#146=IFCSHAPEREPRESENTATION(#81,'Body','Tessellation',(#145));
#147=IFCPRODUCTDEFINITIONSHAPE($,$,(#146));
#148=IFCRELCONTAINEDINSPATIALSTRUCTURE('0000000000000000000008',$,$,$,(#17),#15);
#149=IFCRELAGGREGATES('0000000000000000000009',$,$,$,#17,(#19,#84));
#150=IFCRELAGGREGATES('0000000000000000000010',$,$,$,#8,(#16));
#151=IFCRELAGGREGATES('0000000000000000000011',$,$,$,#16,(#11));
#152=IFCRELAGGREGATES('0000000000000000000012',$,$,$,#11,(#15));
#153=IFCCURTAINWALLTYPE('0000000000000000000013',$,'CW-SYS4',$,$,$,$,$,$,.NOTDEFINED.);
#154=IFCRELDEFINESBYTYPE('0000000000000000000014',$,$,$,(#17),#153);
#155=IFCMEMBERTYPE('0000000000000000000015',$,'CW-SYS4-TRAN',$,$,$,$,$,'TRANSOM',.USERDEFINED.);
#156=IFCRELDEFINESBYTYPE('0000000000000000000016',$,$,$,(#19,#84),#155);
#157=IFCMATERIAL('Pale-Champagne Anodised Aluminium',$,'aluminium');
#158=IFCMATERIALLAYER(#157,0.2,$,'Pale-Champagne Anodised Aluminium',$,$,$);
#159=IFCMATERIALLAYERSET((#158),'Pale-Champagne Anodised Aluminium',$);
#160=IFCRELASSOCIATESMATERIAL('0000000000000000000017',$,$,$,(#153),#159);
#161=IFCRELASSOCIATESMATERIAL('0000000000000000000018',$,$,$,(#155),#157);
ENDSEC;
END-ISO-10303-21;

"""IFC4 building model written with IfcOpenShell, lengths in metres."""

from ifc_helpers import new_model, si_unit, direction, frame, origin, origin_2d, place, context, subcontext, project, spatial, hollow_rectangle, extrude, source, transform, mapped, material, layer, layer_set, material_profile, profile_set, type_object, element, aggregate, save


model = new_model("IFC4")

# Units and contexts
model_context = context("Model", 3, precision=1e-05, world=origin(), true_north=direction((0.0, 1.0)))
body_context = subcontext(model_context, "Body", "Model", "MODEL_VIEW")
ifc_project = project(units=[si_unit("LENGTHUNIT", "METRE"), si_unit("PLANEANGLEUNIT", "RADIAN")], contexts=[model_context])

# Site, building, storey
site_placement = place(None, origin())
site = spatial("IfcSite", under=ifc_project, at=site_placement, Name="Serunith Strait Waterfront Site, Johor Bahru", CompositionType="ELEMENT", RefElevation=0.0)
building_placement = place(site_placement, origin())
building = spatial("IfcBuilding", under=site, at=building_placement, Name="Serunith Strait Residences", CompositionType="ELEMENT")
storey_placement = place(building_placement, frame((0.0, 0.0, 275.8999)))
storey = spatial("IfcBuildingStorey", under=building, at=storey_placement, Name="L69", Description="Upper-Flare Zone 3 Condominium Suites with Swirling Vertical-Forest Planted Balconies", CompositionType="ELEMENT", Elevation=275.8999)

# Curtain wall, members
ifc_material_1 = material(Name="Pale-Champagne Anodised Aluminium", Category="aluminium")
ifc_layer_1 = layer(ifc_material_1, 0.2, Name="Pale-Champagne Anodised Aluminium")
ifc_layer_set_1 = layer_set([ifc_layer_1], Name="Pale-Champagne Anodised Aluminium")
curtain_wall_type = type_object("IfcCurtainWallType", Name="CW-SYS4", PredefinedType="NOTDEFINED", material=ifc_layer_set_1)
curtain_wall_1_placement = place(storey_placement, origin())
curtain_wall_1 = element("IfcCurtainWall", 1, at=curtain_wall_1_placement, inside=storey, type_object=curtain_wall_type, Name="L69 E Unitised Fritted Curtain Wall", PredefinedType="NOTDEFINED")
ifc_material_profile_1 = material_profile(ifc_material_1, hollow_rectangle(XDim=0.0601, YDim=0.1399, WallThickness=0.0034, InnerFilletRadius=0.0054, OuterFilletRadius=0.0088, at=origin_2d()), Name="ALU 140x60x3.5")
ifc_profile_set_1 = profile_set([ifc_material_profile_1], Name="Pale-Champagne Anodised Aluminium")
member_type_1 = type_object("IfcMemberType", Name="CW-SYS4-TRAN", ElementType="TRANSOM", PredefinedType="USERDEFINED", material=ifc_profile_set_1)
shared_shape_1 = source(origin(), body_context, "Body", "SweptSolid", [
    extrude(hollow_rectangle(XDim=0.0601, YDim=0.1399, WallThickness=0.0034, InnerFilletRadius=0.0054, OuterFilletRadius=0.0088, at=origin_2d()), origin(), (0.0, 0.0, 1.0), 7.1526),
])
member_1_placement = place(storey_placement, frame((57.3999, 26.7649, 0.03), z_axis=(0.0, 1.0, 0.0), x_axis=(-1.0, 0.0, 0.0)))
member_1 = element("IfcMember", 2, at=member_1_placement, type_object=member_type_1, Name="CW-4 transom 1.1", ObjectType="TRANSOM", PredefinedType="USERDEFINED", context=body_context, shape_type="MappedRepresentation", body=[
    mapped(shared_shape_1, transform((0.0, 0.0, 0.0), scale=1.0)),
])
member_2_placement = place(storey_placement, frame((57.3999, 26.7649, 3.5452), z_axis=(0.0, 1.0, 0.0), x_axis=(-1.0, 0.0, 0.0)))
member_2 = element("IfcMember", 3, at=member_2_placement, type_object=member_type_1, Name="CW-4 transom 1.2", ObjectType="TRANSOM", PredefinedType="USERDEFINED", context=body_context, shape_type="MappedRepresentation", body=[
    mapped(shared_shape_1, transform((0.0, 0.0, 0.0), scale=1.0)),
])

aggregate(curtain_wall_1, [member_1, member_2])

Your objective: List the lines of the records where "IFCRELASSOCIATESMATERIAL" occurs.

Your response:
#160=IFCRELASSOCIATESMATERIAL('0000000000000000000017',$,$,$,(#153),#159);
#161=IFCRELASSOCIATESMATERIAL('0000000000000000000018',$,$,$,(#155),#157);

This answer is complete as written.